▶ WHAT THIS TASK INVOLVES: After locating the line with "#29=IFCINDEXEDPOLYGONALFACE((9,30,32,11));" in the data that follows, return it and every later line exactly, up to and including the line with "#39=IFCINDEXEDPOLYGONALFACE((19,40,42,21));".
_____
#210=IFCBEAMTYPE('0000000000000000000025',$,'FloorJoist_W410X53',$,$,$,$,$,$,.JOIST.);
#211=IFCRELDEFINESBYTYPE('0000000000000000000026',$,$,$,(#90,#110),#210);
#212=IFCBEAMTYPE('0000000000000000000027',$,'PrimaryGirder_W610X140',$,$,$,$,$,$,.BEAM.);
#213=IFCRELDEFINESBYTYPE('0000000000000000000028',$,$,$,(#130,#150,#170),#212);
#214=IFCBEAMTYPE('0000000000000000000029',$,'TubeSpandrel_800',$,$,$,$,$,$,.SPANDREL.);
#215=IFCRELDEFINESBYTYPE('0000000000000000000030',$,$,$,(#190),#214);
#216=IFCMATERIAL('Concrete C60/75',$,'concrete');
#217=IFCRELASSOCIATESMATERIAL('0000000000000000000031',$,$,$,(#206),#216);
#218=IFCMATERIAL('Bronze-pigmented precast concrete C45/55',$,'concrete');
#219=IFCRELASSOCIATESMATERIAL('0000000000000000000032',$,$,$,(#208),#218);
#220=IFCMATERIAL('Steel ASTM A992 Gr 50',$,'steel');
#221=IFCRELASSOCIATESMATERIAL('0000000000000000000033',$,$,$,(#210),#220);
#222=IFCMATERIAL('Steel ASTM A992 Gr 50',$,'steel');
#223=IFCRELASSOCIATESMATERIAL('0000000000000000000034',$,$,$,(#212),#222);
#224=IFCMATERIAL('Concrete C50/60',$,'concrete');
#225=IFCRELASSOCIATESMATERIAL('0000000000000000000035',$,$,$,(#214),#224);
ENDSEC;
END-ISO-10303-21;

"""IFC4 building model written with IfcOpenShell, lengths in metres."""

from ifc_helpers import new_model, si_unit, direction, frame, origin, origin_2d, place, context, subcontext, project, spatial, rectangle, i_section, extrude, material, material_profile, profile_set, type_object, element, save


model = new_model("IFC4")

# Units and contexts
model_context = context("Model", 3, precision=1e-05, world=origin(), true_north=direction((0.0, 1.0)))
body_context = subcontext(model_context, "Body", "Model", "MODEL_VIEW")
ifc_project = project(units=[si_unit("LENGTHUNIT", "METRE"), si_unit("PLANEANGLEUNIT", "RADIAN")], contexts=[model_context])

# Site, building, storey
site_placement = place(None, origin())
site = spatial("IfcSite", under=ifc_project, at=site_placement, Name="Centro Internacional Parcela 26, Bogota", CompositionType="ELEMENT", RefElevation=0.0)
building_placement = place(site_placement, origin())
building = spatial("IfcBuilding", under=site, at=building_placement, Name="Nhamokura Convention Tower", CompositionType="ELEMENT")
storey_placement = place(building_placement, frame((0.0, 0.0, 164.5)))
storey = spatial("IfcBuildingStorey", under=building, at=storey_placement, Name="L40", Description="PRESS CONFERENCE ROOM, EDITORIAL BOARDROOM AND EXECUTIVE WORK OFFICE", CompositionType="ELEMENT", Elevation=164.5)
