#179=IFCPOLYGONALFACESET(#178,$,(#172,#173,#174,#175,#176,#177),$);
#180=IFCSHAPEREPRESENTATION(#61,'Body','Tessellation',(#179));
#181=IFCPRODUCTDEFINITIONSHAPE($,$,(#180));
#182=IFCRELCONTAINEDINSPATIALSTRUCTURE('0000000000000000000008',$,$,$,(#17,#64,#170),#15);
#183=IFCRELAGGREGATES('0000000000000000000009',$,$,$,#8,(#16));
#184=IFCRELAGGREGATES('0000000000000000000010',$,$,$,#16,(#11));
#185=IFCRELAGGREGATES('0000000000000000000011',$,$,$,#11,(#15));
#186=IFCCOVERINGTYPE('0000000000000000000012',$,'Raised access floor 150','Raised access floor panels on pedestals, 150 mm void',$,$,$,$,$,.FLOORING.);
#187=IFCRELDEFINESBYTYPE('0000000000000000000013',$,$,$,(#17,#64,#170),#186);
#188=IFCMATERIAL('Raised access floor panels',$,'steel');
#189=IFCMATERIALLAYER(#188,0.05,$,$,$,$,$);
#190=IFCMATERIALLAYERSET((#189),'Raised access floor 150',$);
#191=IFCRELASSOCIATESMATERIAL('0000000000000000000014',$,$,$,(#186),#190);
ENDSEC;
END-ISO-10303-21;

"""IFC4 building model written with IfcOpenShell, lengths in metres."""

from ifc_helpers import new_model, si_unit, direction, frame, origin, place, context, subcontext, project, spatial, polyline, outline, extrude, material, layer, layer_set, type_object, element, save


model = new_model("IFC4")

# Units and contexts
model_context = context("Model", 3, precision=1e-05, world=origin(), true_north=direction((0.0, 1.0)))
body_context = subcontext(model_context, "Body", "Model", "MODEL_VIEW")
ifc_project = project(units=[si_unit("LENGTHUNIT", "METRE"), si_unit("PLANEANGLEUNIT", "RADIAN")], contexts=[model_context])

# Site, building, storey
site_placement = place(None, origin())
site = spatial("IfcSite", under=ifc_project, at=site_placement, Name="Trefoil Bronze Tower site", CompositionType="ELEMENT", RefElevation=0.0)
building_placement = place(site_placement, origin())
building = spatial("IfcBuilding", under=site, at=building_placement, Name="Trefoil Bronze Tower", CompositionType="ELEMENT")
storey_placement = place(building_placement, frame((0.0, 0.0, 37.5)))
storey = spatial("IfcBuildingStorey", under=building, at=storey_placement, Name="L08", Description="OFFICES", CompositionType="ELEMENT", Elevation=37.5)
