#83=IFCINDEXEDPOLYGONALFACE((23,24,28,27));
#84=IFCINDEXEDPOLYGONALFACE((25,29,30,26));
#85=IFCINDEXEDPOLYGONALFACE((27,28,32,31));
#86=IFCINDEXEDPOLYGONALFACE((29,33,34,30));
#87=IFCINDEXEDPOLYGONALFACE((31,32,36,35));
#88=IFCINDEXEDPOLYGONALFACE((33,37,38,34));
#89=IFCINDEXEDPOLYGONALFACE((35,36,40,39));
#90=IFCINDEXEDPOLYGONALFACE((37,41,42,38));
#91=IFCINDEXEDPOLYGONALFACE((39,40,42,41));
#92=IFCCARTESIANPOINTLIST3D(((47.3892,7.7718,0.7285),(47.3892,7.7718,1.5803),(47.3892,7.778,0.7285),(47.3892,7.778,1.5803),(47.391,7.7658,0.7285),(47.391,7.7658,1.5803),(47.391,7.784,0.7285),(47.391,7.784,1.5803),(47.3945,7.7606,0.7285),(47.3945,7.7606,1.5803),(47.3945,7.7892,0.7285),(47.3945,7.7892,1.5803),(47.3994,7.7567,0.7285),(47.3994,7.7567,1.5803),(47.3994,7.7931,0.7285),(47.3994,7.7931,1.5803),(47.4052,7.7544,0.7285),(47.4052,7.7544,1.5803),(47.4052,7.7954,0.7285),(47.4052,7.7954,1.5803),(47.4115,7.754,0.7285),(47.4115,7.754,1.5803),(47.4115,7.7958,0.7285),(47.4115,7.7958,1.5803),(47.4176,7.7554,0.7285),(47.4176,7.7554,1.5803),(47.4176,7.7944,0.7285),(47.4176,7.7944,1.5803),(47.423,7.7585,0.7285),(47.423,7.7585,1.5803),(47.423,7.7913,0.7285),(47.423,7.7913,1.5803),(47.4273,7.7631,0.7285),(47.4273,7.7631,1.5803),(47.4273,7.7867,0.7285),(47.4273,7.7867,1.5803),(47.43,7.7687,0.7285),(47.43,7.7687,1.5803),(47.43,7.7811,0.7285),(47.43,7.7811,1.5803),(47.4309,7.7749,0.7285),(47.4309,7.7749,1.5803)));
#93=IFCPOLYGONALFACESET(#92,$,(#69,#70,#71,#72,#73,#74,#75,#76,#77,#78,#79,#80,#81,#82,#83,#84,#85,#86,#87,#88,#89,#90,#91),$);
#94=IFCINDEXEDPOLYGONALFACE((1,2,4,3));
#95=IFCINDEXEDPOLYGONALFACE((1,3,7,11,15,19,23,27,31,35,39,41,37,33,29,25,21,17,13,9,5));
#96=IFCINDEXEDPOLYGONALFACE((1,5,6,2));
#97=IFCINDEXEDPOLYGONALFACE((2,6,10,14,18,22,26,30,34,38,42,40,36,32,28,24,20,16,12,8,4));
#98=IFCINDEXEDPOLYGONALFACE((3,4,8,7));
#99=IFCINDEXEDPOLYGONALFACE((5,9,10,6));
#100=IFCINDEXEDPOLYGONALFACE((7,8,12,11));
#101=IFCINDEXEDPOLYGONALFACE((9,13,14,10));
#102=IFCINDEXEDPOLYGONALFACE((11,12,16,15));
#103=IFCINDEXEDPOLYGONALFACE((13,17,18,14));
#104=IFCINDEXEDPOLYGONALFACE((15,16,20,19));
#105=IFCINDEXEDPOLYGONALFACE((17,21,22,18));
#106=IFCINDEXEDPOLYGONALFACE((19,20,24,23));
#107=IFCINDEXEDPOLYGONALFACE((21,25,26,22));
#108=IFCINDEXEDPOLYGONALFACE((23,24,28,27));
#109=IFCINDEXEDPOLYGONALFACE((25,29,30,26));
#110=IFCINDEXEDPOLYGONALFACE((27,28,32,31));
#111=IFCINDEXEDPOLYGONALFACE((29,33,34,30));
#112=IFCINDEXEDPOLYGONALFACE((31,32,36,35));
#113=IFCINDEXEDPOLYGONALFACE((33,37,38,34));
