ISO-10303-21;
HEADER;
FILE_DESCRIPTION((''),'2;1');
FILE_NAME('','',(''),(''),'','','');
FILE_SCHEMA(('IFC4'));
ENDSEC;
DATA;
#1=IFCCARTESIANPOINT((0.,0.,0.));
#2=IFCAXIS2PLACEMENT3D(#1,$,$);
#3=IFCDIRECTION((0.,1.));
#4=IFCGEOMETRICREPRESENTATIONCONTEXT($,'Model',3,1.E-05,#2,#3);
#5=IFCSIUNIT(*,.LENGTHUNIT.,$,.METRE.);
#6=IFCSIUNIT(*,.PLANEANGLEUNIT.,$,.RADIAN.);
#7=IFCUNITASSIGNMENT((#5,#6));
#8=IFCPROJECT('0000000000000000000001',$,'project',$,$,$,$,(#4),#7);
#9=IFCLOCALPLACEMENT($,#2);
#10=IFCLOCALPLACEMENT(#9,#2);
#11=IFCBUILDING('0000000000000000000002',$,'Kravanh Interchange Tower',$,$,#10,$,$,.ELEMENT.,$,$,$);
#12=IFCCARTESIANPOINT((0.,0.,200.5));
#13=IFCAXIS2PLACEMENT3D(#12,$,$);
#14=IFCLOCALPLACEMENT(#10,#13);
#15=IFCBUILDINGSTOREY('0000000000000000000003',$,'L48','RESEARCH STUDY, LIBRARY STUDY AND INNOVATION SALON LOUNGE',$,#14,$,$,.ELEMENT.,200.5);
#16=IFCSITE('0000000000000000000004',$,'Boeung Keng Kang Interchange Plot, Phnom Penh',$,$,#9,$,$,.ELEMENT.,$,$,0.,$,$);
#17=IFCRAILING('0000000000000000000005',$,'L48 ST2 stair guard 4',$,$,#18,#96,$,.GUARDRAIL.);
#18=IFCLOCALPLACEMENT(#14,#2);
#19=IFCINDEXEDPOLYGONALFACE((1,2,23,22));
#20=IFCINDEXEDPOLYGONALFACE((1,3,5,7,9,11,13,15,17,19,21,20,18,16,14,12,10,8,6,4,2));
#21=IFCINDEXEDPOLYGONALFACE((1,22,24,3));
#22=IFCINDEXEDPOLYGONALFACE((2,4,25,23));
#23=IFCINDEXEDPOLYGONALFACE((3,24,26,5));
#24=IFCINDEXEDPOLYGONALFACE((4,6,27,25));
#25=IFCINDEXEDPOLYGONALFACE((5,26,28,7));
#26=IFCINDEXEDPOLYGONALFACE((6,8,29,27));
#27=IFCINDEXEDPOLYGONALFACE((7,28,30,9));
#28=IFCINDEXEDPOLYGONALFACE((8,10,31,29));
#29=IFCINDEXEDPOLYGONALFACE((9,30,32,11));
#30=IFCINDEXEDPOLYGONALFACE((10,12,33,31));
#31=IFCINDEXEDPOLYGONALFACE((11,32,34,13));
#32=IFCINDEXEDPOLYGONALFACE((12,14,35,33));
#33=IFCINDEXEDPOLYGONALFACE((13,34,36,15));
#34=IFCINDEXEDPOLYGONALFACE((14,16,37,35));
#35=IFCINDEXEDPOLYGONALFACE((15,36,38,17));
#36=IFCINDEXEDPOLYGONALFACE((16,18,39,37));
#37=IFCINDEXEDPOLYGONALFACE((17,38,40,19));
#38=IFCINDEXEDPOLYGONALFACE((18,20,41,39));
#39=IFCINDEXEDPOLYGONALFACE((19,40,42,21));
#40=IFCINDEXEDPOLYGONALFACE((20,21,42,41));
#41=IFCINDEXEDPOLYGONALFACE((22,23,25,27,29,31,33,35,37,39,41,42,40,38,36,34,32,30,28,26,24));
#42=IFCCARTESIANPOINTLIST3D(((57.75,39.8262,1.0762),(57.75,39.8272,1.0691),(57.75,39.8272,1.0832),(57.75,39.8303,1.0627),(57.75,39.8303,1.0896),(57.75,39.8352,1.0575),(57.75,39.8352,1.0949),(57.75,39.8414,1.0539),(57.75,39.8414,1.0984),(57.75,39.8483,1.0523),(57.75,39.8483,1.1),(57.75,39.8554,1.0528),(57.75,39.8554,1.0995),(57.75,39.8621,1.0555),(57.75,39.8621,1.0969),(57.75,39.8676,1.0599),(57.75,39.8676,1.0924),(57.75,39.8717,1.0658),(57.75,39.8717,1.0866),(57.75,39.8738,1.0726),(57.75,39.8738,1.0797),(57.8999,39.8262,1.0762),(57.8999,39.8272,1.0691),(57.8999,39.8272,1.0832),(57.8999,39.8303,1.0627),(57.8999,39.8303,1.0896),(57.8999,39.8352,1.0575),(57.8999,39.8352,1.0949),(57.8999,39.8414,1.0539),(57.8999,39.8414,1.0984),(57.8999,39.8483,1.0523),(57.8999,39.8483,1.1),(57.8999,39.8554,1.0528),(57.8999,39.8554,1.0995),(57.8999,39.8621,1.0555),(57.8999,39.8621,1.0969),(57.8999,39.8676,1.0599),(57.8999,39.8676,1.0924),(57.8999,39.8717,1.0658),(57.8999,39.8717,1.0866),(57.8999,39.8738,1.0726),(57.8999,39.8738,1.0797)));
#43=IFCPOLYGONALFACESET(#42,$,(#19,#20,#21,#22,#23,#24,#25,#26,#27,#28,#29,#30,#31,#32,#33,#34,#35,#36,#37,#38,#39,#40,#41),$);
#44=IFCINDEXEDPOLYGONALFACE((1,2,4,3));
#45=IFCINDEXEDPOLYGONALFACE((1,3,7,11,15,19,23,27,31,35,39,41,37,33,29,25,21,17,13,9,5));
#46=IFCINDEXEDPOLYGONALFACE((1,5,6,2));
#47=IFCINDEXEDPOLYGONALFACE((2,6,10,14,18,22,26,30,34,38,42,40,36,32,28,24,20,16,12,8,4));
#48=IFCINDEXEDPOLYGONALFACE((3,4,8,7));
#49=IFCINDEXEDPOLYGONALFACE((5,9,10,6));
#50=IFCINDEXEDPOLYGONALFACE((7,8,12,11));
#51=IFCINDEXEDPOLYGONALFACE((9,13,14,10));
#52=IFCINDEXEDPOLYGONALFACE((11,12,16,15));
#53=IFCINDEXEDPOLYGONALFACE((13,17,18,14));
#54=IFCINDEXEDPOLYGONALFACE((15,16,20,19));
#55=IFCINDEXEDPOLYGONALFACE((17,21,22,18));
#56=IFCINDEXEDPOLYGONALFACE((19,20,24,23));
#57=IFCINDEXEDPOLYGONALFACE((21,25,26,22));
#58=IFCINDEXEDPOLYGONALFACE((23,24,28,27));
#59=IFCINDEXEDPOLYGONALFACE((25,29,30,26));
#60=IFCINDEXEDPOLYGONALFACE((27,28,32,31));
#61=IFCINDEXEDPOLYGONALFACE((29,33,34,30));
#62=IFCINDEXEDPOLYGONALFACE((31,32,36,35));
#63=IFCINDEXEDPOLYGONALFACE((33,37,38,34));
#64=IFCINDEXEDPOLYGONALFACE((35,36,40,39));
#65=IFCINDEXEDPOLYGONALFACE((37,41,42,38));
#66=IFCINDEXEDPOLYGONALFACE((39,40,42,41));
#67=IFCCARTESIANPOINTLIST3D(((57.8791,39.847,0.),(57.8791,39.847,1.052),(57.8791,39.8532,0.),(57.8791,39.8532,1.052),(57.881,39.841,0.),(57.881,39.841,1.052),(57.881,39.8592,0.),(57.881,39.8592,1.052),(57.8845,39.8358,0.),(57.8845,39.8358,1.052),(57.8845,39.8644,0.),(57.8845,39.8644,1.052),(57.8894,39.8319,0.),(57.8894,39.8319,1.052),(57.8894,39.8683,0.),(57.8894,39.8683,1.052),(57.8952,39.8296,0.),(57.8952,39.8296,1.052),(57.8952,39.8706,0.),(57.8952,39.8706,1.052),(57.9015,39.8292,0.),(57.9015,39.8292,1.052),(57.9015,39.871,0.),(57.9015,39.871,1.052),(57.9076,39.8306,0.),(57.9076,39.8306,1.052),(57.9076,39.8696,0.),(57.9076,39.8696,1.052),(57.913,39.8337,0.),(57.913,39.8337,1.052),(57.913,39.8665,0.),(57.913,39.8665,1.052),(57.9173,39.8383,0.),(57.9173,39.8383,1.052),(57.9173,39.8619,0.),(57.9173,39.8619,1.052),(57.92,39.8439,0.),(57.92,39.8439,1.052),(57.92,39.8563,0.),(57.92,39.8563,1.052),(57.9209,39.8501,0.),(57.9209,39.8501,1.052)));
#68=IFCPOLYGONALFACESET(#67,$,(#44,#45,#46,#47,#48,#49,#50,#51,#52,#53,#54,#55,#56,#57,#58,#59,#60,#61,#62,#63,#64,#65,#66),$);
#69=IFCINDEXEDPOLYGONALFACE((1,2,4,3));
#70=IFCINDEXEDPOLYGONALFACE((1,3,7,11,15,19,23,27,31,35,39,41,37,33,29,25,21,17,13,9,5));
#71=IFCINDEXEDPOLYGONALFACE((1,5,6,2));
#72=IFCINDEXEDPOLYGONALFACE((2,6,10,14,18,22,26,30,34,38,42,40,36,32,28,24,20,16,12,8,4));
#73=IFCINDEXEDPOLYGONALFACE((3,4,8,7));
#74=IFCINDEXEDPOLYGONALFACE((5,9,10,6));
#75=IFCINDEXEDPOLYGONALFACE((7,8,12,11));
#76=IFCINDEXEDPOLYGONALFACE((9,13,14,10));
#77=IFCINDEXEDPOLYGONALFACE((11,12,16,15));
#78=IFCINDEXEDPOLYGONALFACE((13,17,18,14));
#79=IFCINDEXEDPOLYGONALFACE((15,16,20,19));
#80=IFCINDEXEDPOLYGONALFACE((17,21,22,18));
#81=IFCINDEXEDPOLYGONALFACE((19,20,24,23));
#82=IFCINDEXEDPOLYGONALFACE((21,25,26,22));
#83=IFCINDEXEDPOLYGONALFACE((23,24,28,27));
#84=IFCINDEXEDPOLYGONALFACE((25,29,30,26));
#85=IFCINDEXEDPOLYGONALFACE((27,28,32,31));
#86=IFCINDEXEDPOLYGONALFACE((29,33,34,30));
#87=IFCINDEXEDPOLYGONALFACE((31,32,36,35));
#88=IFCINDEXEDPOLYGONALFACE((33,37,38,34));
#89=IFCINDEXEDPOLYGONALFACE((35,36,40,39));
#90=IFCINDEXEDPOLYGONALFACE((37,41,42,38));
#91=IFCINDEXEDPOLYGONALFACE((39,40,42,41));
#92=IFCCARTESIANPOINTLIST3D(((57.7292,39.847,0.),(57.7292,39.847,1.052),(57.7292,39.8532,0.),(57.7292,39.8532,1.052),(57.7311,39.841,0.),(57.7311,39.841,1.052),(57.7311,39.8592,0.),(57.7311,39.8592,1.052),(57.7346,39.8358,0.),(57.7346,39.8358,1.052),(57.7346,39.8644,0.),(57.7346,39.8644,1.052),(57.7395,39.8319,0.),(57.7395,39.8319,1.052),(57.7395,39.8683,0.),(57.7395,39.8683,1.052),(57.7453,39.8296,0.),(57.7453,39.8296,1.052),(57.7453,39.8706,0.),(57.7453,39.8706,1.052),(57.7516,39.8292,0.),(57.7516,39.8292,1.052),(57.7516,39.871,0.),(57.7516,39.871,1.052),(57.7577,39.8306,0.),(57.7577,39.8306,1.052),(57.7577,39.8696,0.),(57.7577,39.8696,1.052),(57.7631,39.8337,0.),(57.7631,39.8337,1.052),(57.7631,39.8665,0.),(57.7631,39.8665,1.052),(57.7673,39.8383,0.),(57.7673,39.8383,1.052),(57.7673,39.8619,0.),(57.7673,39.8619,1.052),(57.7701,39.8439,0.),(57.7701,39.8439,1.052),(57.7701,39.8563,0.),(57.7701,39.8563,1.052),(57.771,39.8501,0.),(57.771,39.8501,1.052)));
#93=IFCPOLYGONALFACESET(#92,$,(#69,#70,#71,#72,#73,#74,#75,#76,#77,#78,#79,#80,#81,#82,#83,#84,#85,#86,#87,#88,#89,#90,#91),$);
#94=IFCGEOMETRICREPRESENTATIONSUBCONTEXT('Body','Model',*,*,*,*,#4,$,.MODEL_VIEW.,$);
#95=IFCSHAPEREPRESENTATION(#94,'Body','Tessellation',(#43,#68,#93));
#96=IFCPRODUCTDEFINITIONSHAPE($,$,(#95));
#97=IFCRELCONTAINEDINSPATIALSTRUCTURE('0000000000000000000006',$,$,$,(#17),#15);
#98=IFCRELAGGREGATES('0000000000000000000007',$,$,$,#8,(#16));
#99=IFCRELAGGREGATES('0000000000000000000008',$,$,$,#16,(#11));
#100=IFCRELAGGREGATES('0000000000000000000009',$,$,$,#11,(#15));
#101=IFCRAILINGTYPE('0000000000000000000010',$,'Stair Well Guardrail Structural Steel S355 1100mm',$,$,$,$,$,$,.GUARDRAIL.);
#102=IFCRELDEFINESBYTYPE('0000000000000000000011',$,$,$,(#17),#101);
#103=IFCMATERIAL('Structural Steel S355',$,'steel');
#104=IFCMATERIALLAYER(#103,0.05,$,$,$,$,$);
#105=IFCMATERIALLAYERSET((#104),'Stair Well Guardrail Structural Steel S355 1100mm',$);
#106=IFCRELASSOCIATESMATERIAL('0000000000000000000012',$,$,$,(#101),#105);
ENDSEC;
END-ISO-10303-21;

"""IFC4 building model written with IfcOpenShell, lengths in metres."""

from ifc_helpers import new_model, si_unit, direction, frame, origin, origin_2d, place, context, subcontext, project, spatial, circle, extrude, material, layer, layer_set, type_object, element, save


model = new_model("IFC4")

# Units and contexts
model_context = context("Model", 3, precision=1e-05, world=origin(), true_north=direction((0.0, 1.0)))
body_context = subcontext(model_context, "Body", "Model", "MODEL_VIEW")
ifc_project = project(units=[si_unit("LENGTHUNIT", "METRE"), si_unit("PLANEANGLEUNIT", "RADIAN")], contexts=[model_context])

# Site, building, storey
site_placement = place(None, origin())
site = spatial("IfcSite", under=ifc_project, at=site_placement, Name="Boeung Keng Kang Interchange Plot, Phnom Penh", CompositionType="ELEMENT", RefElevation=0.0)
building_placement = place(site_placement, origin())
building = spatial("IfcBuilding", under=site, at=building_placement, Name="Kravanh Interchange Tower", CompositionType="ELEMENT")
storey_placement = place(building_placement, frame((0.0, 0.0, 200.5)))
storey = spatial("IfcBuildingStorey", under=building, at=storey_placement, Name="L48", Description="RESEARCH STUDY, LIBRARY STUDY AND INNOVATION SALON LOUNGE", CompositionType="ELEMENT", Elevation=200.5)

# Railing
ifc_material_1 = material(Name="Structural Steel S355", Category="steel")
ifc_layer_1 = layer(ifc_material_1, 0.05)
ifc_layer_set_1 = layer_set([ifc_layer_1], Name="Stair Well Guardrail Structural Steel S355 1100mm")
railing_type_1 = type_object("IfcRailingType", Name="Stair Well Guardrail Structural Steel S355 1100mm", PredefinedType="GUARDRAIL", material=ifc_layer_set_1)
railing_1_placement = place(storey_placement, frame((57.8999, 39.8501, 0.0)))
element("IfcRailing", 1, at=railing_1_placement, inside=storey, type_object=railing_type_1, Name="L48 ST2 stair guard 4", PredefinedType="GUARDRAIL", context=body_context, shape_type="SweptSolid", body=[
    extrude(circle(Radius=0.0239, at=origin_2d()), frame((0.0, 0.0, 1.0762), z_axis=(-1.0, 0.0, 0.0), x_axis=(0.0, -1.0, 0.0)), (0.0, 0.0, 1.0), 0.1499),
    extrude(circle(Radius=0.021, at=origin_2d()), origin(), (0.0, 0.0, 1.0), 1.052),
    extrude(circle(Radius=0.021, at=origin_2d()), frame((-0.1499, 0.0, 0.0)), (0.0, 0.0, 1.0), 1.052),
])

save(model, "model.ifc")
_____
▶ RESULT:
#29=IFCINDEXEDPOLYGONALFACE((9,30,32,11));
#30=IFCINDEXEDPOLYGONALFACE((10,12,33,31));
#31=IFCINDEXEDPOLYGONALFACE((11,32,34,13));
#32=IFCINDEXEDPOLYGONALFACE((12,14,35,33));
#33=IFCINDEXEDPOLYGONALFACE((13,34,36,15));
#34=IFCINDEXEDPOLYGONALFACE((14,16,37,35));
#35=IFCINDEXEDPOLYGONALFACE((15,36,38,17));
#36=IFCINDEXEDPOLYGONALFACE((16,18,39,37));
#37=IFCINDEXEDPOLYGONALFACE((17,38,40,19));
#38=IFCINDEXEDPOLYGONALFACE((18,20,41,39));
#39=IFCINDEXEDPOLYGONALFACE((19,40,42,21));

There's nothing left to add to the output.